___ Record extracts ___

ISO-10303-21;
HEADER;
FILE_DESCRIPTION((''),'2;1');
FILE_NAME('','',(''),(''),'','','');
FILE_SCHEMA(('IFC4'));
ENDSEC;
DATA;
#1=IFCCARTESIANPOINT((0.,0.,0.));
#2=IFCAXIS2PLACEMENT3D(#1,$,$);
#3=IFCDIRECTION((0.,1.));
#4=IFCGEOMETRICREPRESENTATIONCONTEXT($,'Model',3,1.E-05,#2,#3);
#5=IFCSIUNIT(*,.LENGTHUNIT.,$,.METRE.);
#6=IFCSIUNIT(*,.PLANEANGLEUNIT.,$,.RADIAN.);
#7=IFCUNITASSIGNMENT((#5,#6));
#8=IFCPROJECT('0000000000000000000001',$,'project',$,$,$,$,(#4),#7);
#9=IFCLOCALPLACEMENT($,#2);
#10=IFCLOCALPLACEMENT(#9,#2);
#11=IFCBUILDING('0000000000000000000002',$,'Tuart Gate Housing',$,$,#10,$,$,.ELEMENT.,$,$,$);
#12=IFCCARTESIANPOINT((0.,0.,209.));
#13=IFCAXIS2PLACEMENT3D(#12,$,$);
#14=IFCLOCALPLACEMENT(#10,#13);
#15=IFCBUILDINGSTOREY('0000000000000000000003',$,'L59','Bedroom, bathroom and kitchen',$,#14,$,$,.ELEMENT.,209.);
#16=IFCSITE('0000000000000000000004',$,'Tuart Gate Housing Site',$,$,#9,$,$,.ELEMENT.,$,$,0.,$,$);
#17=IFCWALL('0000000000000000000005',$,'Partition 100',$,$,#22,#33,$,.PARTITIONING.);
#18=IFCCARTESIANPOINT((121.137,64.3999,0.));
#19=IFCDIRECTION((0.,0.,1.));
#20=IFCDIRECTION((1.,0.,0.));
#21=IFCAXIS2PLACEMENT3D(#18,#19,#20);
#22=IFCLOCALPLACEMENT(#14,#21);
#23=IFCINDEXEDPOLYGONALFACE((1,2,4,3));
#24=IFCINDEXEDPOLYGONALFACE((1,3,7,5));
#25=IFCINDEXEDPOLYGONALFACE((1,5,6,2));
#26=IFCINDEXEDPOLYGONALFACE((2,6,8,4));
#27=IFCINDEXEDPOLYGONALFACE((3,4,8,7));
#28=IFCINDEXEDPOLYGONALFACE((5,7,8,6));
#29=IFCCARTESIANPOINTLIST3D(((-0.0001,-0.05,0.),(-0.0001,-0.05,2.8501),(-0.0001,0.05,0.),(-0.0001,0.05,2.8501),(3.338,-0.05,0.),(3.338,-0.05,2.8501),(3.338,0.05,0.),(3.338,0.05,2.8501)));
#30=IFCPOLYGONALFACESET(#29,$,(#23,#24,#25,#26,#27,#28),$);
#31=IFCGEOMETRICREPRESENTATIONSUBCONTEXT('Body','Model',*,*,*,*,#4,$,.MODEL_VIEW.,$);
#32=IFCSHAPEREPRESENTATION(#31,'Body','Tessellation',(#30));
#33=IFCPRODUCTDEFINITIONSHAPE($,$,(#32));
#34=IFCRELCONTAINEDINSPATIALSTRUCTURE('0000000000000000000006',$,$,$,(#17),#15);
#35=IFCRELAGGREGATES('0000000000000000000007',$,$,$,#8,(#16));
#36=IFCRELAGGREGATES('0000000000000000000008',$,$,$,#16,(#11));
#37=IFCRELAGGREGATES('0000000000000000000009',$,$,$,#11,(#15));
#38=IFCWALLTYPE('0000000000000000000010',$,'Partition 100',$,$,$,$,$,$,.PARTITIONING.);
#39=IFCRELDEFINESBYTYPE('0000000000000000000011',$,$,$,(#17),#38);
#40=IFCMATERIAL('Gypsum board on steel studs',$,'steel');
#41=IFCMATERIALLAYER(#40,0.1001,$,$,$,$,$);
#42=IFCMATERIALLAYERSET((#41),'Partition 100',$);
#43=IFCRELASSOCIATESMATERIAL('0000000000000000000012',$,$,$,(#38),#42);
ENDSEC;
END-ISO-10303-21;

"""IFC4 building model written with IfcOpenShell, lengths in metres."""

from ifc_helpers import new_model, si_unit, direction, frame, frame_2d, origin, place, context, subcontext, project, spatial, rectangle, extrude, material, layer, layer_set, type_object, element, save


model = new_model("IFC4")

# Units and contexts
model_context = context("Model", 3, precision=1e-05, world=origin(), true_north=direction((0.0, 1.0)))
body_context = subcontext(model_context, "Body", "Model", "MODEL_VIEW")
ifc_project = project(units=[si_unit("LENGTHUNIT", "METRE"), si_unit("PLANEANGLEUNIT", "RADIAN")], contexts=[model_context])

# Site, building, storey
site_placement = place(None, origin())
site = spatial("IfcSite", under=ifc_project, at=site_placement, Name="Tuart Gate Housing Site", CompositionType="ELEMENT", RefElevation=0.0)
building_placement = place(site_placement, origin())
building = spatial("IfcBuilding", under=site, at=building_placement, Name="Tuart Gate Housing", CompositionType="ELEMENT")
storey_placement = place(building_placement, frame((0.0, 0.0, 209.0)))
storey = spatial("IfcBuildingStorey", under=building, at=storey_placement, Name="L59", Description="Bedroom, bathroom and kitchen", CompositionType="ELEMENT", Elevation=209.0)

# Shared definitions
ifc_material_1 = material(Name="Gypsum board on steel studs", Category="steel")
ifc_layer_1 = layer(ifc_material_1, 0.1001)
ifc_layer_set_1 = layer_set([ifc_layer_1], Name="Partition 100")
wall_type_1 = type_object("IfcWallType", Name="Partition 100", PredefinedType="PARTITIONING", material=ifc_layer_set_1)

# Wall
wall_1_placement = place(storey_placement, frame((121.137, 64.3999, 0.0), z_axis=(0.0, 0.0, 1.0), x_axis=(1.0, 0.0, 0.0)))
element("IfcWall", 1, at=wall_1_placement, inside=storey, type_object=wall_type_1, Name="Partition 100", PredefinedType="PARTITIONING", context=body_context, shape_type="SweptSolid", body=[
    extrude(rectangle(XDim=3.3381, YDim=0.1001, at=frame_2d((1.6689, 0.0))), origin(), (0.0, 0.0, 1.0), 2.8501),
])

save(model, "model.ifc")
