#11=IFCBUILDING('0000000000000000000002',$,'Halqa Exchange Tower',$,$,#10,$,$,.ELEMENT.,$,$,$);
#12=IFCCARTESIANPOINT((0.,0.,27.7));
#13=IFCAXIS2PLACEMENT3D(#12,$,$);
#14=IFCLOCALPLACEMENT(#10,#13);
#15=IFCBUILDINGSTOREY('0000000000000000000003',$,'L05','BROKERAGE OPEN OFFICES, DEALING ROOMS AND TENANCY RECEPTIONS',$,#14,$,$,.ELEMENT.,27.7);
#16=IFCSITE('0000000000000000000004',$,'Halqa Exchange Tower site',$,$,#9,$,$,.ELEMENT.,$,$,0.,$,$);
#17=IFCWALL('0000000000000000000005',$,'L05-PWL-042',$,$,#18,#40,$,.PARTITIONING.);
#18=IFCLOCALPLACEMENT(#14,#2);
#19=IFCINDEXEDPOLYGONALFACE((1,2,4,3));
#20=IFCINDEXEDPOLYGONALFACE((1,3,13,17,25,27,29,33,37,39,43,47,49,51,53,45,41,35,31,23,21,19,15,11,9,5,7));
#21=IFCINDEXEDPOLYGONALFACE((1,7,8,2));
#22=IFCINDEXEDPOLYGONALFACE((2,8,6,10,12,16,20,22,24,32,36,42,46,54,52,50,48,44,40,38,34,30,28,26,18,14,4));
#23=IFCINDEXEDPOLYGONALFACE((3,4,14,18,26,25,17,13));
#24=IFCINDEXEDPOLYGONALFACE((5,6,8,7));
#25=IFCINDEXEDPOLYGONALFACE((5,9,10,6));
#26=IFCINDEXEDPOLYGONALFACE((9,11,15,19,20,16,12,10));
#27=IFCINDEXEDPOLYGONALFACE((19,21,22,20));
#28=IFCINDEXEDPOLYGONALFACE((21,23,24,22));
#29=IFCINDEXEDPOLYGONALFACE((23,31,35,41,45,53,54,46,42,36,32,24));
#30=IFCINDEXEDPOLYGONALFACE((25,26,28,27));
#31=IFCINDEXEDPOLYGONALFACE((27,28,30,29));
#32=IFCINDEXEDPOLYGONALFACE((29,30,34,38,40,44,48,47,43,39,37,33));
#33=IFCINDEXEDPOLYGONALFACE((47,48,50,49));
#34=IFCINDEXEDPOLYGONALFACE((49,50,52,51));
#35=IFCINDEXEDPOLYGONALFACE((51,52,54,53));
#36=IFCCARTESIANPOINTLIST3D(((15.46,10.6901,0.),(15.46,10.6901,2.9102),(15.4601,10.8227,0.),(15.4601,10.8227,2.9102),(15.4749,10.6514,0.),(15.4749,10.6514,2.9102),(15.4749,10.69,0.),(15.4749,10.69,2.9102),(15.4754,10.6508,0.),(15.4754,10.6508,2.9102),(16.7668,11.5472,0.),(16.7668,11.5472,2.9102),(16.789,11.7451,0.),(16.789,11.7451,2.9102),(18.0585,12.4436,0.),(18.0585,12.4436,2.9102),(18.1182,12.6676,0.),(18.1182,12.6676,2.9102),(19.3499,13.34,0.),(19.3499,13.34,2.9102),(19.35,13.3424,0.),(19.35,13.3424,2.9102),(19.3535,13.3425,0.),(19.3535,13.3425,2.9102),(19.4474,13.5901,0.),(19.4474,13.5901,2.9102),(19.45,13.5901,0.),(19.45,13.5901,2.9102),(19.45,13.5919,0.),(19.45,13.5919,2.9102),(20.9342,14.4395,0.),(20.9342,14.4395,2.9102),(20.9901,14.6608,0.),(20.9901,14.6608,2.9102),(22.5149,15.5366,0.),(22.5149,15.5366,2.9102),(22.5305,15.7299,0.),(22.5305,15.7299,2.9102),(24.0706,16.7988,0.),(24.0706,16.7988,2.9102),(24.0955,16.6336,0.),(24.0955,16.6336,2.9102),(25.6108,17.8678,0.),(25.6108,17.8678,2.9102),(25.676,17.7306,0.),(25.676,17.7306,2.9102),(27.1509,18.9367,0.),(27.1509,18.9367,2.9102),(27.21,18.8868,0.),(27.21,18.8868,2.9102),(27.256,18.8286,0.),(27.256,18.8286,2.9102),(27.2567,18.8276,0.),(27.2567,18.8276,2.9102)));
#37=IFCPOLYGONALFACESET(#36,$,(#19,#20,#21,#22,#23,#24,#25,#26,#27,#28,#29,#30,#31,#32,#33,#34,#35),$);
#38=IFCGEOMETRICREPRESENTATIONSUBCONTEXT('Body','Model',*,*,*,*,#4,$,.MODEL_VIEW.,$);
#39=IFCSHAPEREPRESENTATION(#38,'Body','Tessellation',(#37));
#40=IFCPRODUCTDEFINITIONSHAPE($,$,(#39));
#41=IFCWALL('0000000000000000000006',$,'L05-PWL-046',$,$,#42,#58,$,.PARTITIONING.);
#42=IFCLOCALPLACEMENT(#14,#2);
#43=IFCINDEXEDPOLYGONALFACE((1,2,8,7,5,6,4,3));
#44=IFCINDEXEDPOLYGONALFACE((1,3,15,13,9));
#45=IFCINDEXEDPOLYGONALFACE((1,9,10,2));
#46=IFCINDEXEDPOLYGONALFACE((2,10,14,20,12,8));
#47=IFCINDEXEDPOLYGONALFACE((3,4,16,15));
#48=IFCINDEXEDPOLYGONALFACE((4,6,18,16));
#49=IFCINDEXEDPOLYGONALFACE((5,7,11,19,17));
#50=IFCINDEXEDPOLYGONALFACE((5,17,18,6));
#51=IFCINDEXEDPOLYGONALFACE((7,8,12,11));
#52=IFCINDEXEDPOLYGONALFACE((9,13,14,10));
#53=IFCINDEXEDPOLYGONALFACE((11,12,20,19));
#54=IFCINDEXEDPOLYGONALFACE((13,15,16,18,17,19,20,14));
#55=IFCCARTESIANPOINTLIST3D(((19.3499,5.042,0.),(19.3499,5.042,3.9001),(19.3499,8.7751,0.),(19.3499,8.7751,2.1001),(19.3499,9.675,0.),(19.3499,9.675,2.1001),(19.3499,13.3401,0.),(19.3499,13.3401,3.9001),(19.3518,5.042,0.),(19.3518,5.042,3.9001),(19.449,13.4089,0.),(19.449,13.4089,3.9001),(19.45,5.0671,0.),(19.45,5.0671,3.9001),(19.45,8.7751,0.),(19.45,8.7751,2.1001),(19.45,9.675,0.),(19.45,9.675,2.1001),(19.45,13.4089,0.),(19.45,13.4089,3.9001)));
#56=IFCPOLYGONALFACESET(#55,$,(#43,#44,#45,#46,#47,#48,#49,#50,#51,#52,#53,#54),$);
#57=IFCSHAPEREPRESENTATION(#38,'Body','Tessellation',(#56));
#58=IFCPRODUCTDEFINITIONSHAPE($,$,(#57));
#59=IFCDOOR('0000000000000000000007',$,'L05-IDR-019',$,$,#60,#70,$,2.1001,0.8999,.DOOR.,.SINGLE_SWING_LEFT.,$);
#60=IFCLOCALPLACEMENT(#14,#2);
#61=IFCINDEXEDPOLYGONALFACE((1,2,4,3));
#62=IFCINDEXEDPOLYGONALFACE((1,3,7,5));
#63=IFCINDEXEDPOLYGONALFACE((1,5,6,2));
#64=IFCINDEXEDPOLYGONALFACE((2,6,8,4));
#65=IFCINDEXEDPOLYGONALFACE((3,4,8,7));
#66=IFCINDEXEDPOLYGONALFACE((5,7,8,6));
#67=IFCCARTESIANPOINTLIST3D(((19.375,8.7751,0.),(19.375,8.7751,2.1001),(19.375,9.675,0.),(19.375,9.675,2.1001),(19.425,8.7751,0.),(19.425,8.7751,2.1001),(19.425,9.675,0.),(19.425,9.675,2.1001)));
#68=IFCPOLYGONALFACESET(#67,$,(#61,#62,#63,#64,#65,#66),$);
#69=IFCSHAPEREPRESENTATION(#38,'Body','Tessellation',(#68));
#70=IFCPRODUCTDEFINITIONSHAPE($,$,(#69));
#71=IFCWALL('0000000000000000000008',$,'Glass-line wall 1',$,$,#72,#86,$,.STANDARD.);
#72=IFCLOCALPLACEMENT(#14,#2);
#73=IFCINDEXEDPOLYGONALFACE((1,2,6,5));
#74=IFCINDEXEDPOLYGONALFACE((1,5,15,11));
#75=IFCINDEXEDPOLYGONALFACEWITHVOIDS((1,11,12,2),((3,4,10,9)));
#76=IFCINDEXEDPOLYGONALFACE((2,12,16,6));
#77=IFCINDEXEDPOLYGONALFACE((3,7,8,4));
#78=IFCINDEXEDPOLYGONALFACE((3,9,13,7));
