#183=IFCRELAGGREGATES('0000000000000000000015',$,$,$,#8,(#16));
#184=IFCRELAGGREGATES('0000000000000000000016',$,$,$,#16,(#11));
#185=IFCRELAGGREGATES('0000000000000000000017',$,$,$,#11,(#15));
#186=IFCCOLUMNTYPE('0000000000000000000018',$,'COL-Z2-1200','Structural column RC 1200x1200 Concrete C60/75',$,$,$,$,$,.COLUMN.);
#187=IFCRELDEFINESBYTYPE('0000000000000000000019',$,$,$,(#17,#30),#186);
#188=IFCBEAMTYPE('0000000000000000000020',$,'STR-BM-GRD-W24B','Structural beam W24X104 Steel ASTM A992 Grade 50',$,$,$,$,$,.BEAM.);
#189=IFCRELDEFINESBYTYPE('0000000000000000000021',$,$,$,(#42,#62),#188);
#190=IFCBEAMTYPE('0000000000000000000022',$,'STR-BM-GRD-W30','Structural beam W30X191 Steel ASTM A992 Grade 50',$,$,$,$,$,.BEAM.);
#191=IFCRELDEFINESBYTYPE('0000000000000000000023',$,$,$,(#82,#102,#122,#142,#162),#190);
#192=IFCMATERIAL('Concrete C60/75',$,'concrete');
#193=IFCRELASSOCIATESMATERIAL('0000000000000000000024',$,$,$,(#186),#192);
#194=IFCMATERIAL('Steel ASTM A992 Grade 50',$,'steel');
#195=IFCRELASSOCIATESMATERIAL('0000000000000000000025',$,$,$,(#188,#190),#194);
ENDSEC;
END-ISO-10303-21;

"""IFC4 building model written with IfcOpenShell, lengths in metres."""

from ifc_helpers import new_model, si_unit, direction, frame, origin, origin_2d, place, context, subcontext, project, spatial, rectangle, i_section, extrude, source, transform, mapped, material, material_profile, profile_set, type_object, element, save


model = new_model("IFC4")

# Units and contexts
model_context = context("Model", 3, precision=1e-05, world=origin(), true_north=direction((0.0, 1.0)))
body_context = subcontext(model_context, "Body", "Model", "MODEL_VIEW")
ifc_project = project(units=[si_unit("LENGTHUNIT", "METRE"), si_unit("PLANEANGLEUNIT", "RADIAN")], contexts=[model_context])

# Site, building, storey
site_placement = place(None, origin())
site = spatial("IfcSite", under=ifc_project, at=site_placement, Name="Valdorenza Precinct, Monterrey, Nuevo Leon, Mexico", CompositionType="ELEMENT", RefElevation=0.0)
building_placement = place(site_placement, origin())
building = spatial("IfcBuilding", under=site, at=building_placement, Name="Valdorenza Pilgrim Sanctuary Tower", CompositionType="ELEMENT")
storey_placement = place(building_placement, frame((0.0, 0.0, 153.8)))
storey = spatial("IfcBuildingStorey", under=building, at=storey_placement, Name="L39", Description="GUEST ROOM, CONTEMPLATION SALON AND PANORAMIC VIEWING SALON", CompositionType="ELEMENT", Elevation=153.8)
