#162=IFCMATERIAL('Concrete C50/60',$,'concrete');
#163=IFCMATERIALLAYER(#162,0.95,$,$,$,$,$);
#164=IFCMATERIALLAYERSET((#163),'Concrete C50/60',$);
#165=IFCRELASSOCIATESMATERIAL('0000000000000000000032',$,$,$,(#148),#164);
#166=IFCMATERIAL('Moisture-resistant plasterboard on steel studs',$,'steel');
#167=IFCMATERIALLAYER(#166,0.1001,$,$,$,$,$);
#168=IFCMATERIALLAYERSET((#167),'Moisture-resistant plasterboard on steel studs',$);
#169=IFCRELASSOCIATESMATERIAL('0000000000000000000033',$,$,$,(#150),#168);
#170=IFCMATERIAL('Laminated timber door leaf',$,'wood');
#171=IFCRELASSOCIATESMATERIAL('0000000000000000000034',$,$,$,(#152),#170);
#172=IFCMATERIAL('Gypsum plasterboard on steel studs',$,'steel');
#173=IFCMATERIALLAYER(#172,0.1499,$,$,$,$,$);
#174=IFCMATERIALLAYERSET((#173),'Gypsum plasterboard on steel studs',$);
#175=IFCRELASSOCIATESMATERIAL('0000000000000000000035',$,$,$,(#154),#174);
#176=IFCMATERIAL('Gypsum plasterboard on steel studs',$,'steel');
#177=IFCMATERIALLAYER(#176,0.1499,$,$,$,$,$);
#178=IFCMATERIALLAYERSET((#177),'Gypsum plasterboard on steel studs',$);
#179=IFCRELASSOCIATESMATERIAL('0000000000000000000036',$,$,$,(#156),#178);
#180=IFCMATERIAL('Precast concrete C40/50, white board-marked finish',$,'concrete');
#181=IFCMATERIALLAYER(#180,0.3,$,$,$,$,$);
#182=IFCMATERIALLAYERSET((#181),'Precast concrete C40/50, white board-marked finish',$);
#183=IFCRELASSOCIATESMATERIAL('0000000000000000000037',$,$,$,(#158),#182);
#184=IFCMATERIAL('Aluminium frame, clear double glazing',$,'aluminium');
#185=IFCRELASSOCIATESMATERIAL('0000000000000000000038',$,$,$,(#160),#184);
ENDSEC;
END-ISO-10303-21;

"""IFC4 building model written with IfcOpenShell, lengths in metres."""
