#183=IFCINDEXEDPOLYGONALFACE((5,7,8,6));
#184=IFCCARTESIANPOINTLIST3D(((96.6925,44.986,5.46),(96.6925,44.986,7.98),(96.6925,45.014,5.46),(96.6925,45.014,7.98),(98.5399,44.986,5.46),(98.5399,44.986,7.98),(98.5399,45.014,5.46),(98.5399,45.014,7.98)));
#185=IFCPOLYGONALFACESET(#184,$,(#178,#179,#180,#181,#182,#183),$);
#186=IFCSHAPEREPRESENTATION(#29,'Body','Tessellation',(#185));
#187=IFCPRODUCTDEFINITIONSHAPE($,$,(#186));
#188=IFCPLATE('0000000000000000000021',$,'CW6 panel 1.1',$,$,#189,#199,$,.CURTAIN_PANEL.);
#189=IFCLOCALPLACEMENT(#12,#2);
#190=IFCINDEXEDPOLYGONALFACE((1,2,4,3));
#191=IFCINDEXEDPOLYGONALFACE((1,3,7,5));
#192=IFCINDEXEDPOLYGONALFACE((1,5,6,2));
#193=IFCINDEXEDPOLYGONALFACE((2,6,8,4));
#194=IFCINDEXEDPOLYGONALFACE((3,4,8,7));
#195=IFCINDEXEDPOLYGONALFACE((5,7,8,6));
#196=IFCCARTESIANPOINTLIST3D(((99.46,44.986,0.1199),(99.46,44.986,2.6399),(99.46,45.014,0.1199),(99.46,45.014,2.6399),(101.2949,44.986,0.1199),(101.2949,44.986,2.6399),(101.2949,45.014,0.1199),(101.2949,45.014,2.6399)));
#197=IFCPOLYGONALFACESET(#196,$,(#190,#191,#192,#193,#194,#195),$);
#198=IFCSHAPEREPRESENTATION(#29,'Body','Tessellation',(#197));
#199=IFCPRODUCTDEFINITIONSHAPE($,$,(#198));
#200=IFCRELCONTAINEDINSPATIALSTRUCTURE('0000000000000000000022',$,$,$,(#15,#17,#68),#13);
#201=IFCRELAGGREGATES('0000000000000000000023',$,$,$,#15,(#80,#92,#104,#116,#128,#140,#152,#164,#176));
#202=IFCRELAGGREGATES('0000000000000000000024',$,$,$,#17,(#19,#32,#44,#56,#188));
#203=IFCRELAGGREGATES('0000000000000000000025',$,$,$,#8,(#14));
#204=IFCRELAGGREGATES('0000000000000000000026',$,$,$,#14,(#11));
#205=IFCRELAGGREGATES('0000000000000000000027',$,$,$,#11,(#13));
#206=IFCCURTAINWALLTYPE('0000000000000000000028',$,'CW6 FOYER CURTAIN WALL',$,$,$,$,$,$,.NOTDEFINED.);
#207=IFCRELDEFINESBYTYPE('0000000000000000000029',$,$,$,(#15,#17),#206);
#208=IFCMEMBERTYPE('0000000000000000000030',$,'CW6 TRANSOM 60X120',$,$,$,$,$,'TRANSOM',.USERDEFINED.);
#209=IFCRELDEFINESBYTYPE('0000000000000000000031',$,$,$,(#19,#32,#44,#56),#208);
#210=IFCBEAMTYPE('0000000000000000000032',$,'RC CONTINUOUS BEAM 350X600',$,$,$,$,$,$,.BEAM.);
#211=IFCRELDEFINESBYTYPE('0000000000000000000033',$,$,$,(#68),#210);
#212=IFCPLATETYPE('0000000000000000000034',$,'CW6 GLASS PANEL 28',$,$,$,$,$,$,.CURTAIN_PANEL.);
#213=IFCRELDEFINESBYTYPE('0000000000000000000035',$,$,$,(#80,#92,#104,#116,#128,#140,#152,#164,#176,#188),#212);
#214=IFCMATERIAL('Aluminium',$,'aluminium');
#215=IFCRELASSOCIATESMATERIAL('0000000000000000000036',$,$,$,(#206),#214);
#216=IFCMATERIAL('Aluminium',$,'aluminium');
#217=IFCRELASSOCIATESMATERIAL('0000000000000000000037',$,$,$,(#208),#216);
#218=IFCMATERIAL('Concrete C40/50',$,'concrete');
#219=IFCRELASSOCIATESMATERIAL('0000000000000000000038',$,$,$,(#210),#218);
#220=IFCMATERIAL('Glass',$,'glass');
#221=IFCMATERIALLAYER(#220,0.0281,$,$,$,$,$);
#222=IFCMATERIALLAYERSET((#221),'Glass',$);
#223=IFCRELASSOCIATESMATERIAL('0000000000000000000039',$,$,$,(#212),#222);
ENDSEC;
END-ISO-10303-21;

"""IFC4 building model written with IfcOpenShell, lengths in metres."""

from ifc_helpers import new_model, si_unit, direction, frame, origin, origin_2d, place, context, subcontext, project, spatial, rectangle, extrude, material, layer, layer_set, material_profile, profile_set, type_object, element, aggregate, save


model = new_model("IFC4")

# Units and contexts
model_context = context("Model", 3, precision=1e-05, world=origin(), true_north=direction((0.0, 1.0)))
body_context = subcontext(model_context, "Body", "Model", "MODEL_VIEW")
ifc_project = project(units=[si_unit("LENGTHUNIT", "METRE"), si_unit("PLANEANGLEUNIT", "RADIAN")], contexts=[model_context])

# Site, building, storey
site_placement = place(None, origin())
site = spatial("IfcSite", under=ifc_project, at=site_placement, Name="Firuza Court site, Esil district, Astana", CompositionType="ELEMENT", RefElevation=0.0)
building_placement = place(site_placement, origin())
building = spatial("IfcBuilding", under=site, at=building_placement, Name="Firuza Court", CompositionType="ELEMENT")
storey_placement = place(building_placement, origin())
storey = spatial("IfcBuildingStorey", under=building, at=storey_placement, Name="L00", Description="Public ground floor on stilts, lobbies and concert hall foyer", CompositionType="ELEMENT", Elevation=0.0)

___

## Problem details
Give every line of the material that includes the string "Grade".

## Result below
#188=IFCBEAMTYPE('0000000000000000000020',$,'STR-BM-GRD-W24B','Structural beam W24X104 Steel ASTM A992 Grade 50',$,$,$,$,$,.BEAM.);
#190=IFCBEAMTYPE('0000000000000000000022',$,'STR-BM-GRD-W30','Structural beam W30X191 Steel ASTM A992 Grade 50',$,$,$,$,$,.BEAM.);
#194=IFCMATERIAL('Steel ASTM A992 Grade 50',$,'steel');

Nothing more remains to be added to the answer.